Dataset entries:

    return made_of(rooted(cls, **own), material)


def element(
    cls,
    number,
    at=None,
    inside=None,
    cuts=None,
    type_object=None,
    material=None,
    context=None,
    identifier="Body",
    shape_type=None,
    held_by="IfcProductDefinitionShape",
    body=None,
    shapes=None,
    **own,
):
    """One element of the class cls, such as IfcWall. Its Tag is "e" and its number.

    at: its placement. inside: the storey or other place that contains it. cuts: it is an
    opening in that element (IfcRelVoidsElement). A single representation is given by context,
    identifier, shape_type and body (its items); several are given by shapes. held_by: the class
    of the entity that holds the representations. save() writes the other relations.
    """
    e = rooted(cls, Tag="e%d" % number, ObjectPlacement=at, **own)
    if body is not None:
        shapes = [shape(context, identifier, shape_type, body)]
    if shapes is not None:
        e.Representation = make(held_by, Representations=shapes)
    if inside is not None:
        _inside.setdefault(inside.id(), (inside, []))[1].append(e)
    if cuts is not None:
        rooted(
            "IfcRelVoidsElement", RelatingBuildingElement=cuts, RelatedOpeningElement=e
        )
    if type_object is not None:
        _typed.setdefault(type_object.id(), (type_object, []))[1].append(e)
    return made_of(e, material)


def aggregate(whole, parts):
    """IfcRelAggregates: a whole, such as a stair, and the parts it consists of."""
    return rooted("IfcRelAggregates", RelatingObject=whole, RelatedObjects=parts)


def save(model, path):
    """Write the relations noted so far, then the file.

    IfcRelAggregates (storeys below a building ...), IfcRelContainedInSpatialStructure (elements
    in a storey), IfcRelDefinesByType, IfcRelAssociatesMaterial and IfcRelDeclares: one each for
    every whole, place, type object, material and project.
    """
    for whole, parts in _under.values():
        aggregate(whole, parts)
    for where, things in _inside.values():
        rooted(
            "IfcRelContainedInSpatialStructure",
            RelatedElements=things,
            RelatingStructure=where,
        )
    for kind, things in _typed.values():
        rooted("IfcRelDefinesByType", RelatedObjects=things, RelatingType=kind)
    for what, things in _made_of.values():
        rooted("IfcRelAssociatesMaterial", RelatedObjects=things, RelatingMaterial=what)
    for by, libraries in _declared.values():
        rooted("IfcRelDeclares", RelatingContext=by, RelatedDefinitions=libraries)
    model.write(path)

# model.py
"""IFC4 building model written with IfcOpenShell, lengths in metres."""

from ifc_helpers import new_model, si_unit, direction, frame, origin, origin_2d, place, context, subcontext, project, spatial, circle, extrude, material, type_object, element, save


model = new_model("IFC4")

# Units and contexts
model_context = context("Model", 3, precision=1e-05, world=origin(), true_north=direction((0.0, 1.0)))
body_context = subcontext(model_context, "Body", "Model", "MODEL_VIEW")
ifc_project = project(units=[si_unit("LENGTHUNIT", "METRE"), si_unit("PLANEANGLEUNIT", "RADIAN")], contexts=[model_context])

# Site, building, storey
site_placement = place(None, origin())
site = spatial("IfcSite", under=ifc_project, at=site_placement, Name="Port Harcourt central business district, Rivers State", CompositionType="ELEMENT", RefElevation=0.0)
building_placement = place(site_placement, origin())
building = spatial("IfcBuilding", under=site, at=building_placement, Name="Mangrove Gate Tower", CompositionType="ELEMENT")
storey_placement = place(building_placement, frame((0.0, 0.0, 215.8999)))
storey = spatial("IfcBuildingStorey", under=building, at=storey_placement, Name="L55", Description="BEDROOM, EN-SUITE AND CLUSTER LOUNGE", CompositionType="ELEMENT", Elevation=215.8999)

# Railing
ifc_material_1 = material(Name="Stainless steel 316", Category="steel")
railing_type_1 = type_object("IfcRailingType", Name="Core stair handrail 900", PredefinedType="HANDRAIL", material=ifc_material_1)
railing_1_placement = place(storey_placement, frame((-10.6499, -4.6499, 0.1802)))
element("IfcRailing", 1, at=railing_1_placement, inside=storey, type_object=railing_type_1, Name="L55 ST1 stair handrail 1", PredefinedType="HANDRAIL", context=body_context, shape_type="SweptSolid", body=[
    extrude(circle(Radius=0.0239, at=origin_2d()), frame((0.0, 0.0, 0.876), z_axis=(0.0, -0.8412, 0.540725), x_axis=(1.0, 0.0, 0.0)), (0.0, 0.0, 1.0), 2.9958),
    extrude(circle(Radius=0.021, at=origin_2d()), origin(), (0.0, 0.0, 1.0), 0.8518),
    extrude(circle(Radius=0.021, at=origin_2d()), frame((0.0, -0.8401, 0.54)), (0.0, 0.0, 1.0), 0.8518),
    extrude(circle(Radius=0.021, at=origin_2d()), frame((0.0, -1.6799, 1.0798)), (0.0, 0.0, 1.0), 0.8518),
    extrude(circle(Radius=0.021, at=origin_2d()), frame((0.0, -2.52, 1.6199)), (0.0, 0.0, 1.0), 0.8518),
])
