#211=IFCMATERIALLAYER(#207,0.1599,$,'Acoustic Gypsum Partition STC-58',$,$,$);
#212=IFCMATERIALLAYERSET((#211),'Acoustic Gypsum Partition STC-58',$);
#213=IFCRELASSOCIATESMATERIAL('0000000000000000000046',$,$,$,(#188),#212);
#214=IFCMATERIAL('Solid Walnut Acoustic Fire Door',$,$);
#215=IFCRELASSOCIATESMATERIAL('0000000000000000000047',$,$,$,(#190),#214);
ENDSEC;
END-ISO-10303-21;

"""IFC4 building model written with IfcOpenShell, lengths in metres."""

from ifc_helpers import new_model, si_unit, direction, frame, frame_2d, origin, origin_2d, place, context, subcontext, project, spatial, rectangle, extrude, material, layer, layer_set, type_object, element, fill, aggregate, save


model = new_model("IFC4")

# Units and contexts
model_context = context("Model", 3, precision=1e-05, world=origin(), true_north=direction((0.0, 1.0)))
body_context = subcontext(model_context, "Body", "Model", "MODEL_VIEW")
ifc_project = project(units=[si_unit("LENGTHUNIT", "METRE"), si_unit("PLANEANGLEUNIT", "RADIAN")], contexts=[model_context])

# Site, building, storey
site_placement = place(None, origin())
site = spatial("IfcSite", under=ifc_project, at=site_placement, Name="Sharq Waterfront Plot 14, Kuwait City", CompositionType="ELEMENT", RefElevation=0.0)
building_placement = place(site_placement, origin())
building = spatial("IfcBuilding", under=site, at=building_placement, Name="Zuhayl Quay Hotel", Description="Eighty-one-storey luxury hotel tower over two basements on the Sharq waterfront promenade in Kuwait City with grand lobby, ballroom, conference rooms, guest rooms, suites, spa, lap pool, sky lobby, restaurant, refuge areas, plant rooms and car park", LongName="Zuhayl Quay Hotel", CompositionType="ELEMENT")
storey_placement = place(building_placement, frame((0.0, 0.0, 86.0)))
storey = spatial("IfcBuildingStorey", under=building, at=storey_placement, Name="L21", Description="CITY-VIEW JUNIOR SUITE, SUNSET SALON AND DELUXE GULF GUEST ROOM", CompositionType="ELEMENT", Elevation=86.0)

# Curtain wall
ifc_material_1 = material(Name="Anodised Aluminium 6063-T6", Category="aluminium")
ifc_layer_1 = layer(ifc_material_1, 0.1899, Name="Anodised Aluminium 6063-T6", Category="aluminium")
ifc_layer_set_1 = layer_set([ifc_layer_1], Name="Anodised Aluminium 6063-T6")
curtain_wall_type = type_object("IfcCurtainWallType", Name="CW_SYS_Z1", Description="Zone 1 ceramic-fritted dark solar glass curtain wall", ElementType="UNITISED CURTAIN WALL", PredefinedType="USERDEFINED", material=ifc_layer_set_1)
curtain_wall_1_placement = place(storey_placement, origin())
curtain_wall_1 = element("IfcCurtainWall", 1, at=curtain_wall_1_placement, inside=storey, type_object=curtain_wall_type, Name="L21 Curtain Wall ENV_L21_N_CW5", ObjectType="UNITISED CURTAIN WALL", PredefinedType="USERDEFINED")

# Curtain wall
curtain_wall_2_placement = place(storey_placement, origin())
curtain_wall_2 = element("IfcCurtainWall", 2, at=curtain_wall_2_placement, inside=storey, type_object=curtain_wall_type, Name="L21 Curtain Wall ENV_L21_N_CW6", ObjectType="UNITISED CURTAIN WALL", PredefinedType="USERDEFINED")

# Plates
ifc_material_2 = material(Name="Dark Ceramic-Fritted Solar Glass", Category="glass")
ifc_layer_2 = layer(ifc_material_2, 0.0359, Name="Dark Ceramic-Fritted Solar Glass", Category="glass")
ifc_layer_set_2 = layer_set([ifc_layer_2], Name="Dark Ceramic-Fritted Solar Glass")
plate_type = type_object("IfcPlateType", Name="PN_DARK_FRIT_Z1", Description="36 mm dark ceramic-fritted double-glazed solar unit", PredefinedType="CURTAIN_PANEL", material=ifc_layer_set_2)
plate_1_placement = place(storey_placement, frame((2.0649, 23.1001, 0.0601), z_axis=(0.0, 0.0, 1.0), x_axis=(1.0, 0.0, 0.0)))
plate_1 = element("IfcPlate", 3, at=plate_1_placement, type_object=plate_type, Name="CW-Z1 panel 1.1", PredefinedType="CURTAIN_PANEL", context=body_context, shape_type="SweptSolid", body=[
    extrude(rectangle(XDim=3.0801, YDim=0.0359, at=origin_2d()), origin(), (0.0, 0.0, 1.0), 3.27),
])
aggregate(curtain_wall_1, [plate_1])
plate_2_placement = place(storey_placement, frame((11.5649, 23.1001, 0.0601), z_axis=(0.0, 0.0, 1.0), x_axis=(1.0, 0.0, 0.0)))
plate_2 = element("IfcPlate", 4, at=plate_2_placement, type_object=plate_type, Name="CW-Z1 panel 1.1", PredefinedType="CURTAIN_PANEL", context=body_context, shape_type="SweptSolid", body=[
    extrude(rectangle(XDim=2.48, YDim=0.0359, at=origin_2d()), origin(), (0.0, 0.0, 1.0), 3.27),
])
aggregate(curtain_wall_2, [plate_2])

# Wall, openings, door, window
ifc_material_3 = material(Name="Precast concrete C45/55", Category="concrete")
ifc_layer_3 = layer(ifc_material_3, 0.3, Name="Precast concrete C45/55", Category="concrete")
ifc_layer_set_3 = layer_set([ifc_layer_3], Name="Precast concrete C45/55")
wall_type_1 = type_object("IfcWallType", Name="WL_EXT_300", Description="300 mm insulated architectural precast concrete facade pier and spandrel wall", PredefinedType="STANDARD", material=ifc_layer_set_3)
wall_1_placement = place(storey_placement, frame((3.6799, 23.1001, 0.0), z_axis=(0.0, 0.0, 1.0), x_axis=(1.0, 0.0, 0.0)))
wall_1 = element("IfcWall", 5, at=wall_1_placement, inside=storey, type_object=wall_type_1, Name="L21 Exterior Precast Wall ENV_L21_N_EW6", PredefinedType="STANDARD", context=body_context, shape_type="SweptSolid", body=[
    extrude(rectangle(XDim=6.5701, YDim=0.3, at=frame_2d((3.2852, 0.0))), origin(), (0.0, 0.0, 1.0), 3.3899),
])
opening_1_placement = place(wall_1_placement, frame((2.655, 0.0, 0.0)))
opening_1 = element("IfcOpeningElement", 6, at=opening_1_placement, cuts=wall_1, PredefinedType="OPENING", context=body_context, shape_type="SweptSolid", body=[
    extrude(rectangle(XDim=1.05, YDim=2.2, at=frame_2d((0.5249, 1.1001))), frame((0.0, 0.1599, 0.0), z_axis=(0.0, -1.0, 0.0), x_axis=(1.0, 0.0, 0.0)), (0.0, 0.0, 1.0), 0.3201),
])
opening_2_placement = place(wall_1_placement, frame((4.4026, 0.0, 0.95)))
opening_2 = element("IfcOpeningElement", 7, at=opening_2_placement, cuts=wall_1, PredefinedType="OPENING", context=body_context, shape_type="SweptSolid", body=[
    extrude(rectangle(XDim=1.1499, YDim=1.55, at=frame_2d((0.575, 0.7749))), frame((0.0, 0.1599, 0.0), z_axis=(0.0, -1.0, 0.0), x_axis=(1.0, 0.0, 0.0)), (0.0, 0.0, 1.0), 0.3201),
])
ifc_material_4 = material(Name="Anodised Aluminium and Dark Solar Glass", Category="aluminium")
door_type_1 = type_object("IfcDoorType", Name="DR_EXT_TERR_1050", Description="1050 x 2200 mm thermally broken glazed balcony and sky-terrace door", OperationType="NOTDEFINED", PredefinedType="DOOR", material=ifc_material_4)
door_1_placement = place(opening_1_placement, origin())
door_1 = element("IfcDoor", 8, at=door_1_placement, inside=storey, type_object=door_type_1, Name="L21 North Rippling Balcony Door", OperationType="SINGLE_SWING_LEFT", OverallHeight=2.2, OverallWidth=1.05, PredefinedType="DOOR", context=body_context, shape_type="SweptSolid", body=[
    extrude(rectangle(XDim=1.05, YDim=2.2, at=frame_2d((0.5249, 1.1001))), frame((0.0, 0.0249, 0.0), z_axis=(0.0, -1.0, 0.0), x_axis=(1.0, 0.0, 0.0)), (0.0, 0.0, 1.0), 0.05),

What needs to be done = If a line falls between the first line of the entries and the line containing "IfcRelAggregates (storeys below", or is one of those two, restate it word for word; leave all other lines out.

Your response =
    return made_of(rooted(cls, **own), material)


def element(
    cls,
    number,
    at=None,
    inside=None,
    cuts=None,
    type_object=None,
    material=None,
    context=None,
    identifier="Body",
    shape_type=None,
    held_by="IfcProductDefinitionShape",
    body=None,
    shapes=None,
    **own,
):
    """One element of the class cls, such as IfcWall. Its Tag is "e" and its number.

    at: its placement. inside: the storey or other place that contains it. cuts: it is an
    opening in that element (IfcRelVoidsElement). A single representation is given by context,
    identifier, shape_type and body (its items); several are given by shapes. held_by: the class
    of the entity that holds the representations. save() writes the other relations.
    """
    e = rooted(cls, Tag="e%d" % number, ObjectPlacement=at, **own)
    if body is not None:
        shapes = [shape(context, identifier, shape_type, body)]
    if shapes is not None:
        e.Representation = make(held_by, Representations=shapes)
    if inside is not None:
        _inside.setdefault(inside.id(), (inside, []))[1].append(e)
    if cuts is not None:
        rooted(
            "IfcRelVoidsElement", RelatingBuildingElement=cuts, RelatedOpeningElement=e
        )
    if type_object is not None:
        _typed.setdefault(type_object.id(), (type_object, []))[1].append(e)
    return made_of(e, material)


def aggregate(whole, parts):
    """IfcRelAggregates: a whole, such as a stair, and the parts it consists of."""
    return rooted("IfcRelAggregates", RelatingObject=whole, RelatedObjects=parts)


def save(model, path):
    """Write the relations noted so far, then the file.

    IfcRelAggregates (storeys below a building ...), IfcRelContainedInSpatialStructure (elements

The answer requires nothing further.